Items from a dataset:

__________

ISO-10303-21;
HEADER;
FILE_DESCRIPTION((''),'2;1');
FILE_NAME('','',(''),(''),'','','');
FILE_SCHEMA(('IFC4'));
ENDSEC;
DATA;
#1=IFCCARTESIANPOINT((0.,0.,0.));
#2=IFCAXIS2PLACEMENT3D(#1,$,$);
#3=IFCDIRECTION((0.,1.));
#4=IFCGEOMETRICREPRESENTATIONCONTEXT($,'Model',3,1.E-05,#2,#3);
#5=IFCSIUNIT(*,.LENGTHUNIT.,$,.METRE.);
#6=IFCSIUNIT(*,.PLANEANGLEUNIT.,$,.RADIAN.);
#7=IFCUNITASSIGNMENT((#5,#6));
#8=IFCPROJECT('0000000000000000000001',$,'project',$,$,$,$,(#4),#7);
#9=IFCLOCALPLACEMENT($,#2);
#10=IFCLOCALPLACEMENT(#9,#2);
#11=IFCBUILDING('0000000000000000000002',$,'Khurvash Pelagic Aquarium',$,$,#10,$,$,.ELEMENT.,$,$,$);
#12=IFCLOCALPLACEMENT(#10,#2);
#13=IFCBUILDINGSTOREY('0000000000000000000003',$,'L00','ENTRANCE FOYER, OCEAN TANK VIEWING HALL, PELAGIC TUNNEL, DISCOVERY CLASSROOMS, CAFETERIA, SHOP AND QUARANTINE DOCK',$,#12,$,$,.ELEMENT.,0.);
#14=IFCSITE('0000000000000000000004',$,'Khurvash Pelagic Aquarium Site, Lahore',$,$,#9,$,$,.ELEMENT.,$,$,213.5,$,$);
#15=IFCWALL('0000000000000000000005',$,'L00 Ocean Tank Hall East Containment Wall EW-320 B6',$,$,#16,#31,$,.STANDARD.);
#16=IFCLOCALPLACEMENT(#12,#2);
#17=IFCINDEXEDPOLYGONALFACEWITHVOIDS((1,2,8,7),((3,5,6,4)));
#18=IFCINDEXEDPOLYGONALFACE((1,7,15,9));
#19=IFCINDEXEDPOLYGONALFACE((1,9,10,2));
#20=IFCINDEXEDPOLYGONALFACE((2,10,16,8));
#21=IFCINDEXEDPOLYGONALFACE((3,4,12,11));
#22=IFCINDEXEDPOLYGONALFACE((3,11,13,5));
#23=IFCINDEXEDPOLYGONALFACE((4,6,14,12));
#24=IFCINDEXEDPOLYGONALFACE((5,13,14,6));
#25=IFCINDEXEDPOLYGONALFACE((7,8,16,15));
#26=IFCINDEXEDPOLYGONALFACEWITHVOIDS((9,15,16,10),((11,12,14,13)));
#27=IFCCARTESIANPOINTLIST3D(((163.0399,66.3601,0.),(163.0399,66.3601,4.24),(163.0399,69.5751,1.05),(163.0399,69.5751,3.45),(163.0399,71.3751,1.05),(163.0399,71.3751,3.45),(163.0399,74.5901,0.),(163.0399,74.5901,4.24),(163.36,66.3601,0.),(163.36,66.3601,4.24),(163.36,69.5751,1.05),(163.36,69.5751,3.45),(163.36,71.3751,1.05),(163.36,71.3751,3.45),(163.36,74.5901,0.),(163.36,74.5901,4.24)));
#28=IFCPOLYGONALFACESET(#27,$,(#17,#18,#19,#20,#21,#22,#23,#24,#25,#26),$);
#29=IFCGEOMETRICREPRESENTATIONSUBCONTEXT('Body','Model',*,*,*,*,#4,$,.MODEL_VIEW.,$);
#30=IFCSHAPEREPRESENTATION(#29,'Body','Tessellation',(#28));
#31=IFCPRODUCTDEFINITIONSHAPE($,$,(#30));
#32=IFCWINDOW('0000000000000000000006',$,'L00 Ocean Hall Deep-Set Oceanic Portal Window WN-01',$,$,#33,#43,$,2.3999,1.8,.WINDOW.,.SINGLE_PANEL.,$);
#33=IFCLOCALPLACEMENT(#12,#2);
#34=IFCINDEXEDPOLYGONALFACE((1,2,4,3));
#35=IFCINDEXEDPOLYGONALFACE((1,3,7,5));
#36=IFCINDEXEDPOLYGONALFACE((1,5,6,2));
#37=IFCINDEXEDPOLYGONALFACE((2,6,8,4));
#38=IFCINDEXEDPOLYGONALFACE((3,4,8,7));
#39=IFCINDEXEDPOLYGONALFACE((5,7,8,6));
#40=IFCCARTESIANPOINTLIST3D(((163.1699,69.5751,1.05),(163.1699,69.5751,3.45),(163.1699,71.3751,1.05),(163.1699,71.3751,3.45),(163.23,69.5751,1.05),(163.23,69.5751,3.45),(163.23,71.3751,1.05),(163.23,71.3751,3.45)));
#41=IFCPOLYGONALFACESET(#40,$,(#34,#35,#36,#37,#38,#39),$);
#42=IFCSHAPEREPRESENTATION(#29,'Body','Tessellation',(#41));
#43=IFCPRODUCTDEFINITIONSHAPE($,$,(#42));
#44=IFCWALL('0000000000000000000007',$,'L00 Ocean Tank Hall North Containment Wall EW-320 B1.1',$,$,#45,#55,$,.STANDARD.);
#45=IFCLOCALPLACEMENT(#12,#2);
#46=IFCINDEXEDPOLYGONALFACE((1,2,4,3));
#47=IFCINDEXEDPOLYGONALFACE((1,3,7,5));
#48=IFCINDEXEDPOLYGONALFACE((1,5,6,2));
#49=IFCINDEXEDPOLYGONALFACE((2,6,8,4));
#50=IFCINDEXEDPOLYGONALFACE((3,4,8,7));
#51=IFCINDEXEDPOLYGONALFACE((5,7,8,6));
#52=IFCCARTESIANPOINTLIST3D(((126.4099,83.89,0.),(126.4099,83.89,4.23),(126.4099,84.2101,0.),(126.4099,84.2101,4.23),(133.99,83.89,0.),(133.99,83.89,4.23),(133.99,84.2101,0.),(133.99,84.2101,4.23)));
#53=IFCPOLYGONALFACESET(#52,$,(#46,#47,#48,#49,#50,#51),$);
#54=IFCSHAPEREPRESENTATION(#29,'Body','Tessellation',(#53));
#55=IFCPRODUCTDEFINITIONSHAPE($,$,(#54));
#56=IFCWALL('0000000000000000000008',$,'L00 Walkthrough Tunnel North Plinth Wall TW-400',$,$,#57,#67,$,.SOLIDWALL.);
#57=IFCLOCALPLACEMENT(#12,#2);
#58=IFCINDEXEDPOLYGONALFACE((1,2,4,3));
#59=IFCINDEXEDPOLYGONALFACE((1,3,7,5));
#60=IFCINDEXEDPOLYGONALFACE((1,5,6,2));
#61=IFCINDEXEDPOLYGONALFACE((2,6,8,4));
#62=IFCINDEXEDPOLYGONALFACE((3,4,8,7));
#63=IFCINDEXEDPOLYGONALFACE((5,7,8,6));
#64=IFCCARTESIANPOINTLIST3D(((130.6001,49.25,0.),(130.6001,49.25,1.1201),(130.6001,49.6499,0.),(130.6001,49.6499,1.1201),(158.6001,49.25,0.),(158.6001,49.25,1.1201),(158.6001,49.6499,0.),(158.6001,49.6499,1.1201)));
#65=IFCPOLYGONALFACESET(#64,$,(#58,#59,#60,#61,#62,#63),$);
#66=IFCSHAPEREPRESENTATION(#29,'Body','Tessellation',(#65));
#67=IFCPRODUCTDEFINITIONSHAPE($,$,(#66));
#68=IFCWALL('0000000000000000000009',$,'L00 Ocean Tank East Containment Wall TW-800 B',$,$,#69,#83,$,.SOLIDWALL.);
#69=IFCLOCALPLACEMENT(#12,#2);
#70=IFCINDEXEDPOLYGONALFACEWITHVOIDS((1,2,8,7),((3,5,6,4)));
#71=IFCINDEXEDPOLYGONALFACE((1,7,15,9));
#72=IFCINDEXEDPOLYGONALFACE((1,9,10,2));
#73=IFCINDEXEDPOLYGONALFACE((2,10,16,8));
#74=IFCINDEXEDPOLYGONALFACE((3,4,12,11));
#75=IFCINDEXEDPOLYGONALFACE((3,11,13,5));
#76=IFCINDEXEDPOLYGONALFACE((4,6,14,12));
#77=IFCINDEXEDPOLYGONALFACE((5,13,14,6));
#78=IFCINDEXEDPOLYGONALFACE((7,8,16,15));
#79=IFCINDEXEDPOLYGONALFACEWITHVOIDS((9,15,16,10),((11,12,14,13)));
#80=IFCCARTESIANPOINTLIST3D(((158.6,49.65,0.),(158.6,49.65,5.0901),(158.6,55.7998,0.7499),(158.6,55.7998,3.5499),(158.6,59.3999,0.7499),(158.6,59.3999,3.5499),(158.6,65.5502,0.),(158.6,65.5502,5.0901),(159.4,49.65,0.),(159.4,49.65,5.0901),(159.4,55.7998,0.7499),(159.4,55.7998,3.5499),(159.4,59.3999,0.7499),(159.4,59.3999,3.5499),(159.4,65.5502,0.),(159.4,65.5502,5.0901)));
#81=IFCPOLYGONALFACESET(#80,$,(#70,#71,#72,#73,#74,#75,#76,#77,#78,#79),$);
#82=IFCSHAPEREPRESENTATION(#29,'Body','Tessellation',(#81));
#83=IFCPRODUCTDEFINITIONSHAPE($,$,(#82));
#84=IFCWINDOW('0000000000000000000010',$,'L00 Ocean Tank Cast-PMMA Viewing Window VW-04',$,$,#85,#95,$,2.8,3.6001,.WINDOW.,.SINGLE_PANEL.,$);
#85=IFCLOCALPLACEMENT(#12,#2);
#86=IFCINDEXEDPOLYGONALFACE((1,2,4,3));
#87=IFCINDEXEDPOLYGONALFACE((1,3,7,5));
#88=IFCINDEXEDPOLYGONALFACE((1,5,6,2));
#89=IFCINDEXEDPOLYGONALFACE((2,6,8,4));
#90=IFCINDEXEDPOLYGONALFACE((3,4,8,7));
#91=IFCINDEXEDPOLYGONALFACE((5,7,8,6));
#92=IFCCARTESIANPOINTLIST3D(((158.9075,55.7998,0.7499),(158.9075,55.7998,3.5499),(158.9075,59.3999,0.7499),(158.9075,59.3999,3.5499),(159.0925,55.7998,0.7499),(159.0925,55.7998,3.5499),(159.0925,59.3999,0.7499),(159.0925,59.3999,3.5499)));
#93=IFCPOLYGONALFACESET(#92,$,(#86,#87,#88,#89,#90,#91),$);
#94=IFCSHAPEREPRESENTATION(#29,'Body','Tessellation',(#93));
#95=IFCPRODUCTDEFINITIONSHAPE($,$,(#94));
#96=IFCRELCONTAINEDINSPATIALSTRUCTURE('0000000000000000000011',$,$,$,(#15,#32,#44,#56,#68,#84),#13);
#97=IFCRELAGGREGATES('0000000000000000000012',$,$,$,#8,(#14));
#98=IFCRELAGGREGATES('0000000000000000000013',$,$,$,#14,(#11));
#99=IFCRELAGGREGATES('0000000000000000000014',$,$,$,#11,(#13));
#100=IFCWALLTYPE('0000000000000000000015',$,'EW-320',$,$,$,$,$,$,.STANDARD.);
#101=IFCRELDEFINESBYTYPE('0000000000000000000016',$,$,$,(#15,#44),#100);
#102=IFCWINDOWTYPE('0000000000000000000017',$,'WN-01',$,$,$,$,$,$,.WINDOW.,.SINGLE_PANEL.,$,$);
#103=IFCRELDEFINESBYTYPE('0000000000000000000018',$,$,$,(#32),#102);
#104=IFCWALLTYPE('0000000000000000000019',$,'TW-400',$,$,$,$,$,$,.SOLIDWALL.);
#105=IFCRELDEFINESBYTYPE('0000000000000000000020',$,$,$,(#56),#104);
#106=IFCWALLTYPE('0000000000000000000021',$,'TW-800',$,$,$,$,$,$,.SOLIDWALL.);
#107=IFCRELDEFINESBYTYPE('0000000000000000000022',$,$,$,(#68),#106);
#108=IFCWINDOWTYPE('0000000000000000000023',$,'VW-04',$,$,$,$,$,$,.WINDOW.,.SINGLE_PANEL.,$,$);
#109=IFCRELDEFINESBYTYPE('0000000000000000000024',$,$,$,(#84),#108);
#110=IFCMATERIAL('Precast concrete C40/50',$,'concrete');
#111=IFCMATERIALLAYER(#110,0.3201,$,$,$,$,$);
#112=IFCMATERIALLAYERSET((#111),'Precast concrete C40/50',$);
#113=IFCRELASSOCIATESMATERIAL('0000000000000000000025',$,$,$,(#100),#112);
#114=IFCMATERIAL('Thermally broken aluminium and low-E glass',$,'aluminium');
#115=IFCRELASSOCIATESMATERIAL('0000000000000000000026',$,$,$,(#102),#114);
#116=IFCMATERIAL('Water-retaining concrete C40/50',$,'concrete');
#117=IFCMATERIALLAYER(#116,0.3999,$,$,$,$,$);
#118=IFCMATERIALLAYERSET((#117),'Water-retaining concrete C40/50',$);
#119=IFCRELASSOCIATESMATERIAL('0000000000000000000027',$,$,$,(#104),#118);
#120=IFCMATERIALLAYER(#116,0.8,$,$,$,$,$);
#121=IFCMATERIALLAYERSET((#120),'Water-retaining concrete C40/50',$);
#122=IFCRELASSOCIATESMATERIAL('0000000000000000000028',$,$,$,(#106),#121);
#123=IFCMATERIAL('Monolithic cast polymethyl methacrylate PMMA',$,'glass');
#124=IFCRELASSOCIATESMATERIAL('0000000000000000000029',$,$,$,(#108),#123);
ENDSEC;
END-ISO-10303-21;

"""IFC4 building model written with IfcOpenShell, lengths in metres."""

from ifc_helpers import new_model, si_unit, direction, frame, frame_2d, origin, place, context, subcontext, project, spatial, rectangle, extrude, material, layer, layer_set, type_object, element, fill, save


model = new_model("IFC4")

# Units and contexts
model_context = context("Model", 3, precision=1e-05, world=origin(), true_north=direction((0.0, 1.0)))
body_context = subcontext(model_context, "Body", "Model", "MODEL_VIEW")
ifc_project = project(units=[si_unit("LENGTHUNIT", "METRE"), si_unit("PLANEANGLEUNIT", "RADIAN")], contexts=[model_context])

# Site, building, storey
site_placement = place(None, origin())
site = spatial("IfcSite", under=ifc_project, at=site_placement, Name="Khurvash Pelagic Aquarium Site, Lahore", CompositionType="ELEMENT", RefElevation=213.5)
building_placement = place(site_placement, origin())
building = spatial("IfcBuilding", under=site, at=building_placement, Name="Khurvash Pelagic Aquarium", CompositionType="ELEMENT")
storey_placement = place(building_placement, origin())
storey = spatial("IfcBuildingStorey", under=building, at=storey_placement, Name="L00", Description="ENTRANCE FOYER, OCEAN TANK VIEWING HALL, PELAGIC TUNNEL, DISCOVERY CLASSROOMS, CAFETERIA, SHOP AND QUARANTINE DOCK", CompositionType="ELEMENT", Elevation=0.0)

# Shared definitions
ifc_material_1 = material(Name="Water-retaining concrete C40/50", Category="concrete")

# Shared definitions
ifc_material_2 = material(Name="Precast concrete C40/50", Category="concrete")
ifc_layer_1 = layer(ifc_material_2, 0.3201)
ifc_layer_set_1 = layer_set([ifc_layer_1], Name="Precast concrete C40/50")
wall_type_1 = type_object("IfcWallType", Name="EW-320", PredefinedType="STANDARD", material=ifc_layer_set_1)

# Wall, opening, window
wall_1_placement = place(storey_placement, frame((163.2, 66.3601, 0.0), z_axis=(0.0, 0.0, 1.0), x_axis=(0.0, 1.0, 0.0)))
wall_1 = element("IfcWall", 1, at=wall_1_placement, inside=storey, type_object=wall_type_1, Name="L00 Ocean Tank Hall East Containment Wall EW-320 B6", PredefinedType="STANDARD", context=body_context, shape_type="SweptSolid", body=[
    extrude(rectangle(XDim=8.23, YDim=0.3201, at=frame_2d((4.115, 0.0))), origin(), (0.0, 0.0, 1.0), 4.24),
])
opening_1_placement = place(wall_1_placement, frame((3.2151, 0.0, 1.05)))
opening_1 = element("IfcOpeningElement", 2, at=opening_1_placement, cuts=wall_1, PredefinedType="OPENING", context=body_context, shape_type="SweptSolid", body=[
    extrude(rectangle(XDim=1.8, YDim=2.3999, at=frame_2d((0.8999, 1.2))), frame((0.0, 0.1699, 0.0), z_axis=(0.0, -1.0, 0.0), x_axis=(1.0, 0.0, 0.0)), (0.0, 0.0, 1.0), 0.3401),
])
ifc_material_3 = material(Name="Thermally broken aluminium and low-E glass", Category="aluminium")
window_type_1 = type_object("IfcWindowType", Name="WN-01", PartitioningType="SINGLE_PANEL", PredefinedType="WINDOW", material=ifc_material_3)
window_1_placement = place(opening_1_placement, origin())
window_1 = element("IfcWindow", 3, at=window_1_placement, inside=storey, type_object=window_type_1, Name="L00 Ocean Hall Deep-Set Oceanic Portal Window WN-01", OverallHeight=2.3999, OverallWidth=1.8, PartitioningType="SINGLE_PANEL", PredefinedType="WINDOW", context=body_context, shape_type="SweptSolid", body=[
    extrude(rectangle(XDim=1.8, YDim=2.3999, at=frame_2d((0.8999, 1.2))), frame((0.0, 0.03, 0.0), z_axis=(0.0, -1.0, 0.0), x_axis=(1.0, 0.0, 0.0)), (0.0, 0.0, 1.0), 0.0601),
])
fill(opening_1, window_1)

__________

→ **What the exercise asks**
Each line of the records, from the opening one through the line holding "#4=IFCGEOMETRICREPRESENTATIONCONTEXT($,'Model',3,1.E-05,#2,#3);", should be restated word for word, with nothing else in the answer.

→ **Task output**
ISO-10303-21;
HEADER;
FILE_DESCRIPTION((''),'2;1');
FILE_NAME('','',(''),(''),'','','');
FILE_SCHEMA(('IFC4'));
ENDSEC;
DATA;
#1=IFCCARTESIANPOINT((0.,0.,0.));
#2=IFCAXIS2PLACEMENT3D(#1,$,$);
#3=IFCDIRECTION((0.,1.));
#4=IFCGEOMETRICREPRESENTATIONCONTEXT($,'Model',3,1.E-05,#2,#3);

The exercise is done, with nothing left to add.